→ **Supplied information**:
------------------------

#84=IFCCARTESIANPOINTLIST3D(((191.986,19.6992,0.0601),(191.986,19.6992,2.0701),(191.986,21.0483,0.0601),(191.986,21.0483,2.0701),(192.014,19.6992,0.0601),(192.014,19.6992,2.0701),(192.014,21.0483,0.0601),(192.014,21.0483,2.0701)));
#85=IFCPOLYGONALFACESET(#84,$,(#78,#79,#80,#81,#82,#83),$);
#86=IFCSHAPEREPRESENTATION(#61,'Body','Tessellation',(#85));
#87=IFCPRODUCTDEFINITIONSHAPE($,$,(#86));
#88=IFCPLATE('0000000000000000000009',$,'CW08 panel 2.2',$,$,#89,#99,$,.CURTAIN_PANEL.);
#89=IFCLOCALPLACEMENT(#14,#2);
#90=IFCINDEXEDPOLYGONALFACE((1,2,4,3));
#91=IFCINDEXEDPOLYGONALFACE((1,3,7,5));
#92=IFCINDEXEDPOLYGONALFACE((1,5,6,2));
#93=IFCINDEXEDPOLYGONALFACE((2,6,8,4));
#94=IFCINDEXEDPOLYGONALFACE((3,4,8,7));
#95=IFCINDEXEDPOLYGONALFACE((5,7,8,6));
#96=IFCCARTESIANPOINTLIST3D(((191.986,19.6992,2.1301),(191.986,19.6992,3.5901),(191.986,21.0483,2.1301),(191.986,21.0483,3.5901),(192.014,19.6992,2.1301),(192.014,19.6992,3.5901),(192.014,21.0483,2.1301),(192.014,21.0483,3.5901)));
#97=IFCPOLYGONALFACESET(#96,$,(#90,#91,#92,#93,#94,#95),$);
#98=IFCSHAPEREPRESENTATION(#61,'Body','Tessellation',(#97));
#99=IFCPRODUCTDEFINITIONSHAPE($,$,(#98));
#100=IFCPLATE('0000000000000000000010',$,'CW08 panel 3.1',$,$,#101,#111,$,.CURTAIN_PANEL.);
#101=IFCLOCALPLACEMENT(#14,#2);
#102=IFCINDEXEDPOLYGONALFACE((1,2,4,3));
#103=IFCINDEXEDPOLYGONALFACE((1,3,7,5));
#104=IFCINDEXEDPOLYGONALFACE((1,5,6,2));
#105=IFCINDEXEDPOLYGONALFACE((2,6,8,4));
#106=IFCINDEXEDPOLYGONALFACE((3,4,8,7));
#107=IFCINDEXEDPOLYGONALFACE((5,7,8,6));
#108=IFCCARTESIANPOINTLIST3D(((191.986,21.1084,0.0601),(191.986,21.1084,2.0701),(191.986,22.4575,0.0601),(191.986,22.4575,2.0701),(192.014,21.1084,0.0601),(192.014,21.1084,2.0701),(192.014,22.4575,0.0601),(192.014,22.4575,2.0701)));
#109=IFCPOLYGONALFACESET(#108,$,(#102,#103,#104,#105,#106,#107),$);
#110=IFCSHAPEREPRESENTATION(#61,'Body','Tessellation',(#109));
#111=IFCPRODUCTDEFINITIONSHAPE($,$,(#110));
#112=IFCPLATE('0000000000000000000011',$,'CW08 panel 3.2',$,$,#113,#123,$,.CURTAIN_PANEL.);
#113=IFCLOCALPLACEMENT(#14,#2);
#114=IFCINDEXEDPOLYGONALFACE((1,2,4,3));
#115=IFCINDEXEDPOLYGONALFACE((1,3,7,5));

------------------------

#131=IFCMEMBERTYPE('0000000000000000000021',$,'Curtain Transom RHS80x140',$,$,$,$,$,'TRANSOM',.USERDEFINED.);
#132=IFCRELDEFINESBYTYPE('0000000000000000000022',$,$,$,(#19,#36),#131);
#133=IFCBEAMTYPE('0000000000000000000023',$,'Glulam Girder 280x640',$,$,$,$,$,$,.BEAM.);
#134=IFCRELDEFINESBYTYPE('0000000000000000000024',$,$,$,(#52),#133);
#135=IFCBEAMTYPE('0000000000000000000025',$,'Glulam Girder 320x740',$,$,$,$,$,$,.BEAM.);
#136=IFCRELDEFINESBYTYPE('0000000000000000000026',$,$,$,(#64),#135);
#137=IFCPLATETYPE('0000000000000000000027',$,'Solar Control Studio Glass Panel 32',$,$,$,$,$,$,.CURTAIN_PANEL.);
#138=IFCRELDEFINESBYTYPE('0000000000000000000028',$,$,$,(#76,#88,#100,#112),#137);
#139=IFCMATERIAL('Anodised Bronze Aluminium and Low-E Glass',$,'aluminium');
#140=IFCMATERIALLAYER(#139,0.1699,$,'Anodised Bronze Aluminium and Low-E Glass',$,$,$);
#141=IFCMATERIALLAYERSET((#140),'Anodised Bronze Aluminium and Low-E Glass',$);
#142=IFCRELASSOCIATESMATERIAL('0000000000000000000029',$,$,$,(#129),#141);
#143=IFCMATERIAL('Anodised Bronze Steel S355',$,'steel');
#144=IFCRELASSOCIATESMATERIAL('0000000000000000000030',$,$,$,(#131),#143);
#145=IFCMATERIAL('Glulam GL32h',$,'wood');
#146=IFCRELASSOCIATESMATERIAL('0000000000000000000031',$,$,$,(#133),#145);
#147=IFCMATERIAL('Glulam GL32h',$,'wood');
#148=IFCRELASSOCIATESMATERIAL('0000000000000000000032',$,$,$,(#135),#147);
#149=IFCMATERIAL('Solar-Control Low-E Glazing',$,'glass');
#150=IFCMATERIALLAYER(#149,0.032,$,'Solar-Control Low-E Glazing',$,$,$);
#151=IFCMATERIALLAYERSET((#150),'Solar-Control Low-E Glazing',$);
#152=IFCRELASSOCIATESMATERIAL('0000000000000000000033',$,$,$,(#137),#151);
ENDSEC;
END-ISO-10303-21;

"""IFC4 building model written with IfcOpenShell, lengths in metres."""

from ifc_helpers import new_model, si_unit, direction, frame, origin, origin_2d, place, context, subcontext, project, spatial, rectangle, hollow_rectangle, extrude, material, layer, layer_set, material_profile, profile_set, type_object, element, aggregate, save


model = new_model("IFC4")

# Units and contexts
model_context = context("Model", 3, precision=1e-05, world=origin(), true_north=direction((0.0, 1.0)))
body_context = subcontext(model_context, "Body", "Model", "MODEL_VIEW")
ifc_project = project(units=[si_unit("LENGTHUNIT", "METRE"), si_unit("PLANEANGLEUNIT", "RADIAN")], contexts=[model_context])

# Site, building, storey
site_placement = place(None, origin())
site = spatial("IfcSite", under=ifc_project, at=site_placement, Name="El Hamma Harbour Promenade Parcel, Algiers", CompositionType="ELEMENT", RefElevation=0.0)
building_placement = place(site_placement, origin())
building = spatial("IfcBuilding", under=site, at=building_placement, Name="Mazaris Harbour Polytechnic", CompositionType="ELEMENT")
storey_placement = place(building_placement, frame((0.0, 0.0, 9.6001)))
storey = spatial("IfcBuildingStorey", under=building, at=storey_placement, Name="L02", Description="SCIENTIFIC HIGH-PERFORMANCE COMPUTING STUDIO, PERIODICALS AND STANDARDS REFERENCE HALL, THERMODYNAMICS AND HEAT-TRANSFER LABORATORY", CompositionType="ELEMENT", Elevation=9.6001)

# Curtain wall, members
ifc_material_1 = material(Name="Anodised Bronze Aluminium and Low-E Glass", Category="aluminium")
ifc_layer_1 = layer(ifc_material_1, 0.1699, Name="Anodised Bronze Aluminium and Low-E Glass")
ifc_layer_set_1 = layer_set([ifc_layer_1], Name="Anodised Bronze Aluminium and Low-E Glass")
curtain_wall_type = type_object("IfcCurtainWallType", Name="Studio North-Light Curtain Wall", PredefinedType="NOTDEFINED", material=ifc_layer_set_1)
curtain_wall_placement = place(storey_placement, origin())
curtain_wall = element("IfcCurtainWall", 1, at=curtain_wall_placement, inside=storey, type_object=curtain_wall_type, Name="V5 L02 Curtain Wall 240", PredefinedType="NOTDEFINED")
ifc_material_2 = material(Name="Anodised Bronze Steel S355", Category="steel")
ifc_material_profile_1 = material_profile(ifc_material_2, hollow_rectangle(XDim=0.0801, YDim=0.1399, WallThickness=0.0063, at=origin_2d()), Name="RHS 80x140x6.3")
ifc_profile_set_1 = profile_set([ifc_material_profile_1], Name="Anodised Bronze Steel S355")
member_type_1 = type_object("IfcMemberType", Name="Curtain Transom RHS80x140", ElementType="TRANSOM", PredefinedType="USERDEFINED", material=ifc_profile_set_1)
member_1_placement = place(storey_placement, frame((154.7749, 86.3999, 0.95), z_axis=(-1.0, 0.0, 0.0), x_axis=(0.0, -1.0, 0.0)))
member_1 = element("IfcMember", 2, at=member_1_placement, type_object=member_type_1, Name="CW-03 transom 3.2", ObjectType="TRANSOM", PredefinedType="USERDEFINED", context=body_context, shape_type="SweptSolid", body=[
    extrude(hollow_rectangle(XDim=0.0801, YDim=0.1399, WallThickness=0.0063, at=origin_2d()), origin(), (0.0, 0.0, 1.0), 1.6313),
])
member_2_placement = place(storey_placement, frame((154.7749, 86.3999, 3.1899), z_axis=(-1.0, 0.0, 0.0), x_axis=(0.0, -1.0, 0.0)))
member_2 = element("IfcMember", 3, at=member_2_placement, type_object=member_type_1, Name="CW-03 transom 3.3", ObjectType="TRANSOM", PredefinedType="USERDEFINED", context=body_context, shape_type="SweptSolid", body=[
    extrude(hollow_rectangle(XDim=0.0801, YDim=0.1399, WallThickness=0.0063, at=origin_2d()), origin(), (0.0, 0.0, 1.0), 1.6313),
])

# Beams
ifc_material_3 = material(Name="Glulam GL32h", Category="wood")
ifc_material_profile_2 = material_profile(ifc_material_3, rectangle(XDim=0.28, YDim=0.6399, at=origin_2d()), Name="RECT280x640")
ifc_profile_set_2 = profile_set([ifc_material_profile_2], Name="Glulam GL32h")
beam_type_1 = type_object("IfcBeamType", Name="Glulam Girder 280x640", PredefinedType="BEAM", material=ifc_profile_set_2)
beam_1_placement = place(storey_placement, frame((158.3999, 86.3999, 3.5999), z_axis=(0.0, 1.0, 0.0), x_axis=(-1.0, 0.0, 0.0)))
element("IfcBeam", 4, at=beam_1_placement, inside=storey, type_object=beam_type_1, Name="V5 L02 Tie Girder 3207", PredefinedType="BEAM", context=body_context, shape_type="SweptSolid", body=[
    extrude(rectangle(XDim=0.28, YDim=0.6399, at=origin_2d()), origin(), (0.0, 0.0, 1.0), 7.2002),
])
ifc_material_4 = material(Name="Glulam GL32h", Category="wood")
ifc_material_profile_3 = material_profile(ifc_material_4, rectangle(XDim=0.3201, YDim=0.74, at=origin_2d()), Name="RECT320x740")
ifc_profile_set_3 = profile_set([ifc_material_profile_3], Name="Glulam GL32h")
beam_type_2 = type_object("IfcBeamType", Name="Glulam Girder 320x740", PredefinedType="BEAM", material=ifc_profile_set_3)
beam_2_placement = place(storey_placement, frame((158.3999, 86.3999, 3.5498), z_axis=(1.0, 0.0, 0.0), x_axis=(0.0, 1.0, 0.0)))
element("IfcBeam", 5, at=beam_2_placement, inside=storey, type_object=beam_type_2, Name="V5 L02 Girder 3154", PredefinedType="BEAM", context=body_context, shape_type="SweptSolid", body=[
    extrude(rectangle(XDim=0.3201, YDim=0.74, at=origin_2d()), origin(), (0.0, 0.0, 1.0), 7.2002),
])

------------------------

→ **What to work on**: Would you retype the lines above from the one with "END-ISO-10303-21;" down to the one with "site_placement = place(None, origin())", word for word, both ends included and no other lines?

→ **Task response**:
END-ISO-10303-21;

"""IFC4 building model written with IfcOpenShell, lengths in metres."""

from ifc_helpers import new_model, si_unit, direction, frame, origin, origin_2d, place, context, subcontext, project, spatial, rectangle, hollow_rectangle, extrude, material, layer, layer_set, material_profile, profile_set, type_object, element, aggregate, save


model = new_model("IFC4")

# Units and contexts
model_context = context("Model", 3, precision=1e-05, world=origin(), true_north=direction((0.0, 1.0)))
body_context = subcontext(model_context, "Body", "Model", "MODEL_VIEW")
ifc_project = project(units=[si_unit("LENGTHUNIT", "METRE"), si_unit("PLANEANGLEUNIT", "RADIAN")], contexts=[model_context])

# Site, building, storey
site_placement = place(None, origin())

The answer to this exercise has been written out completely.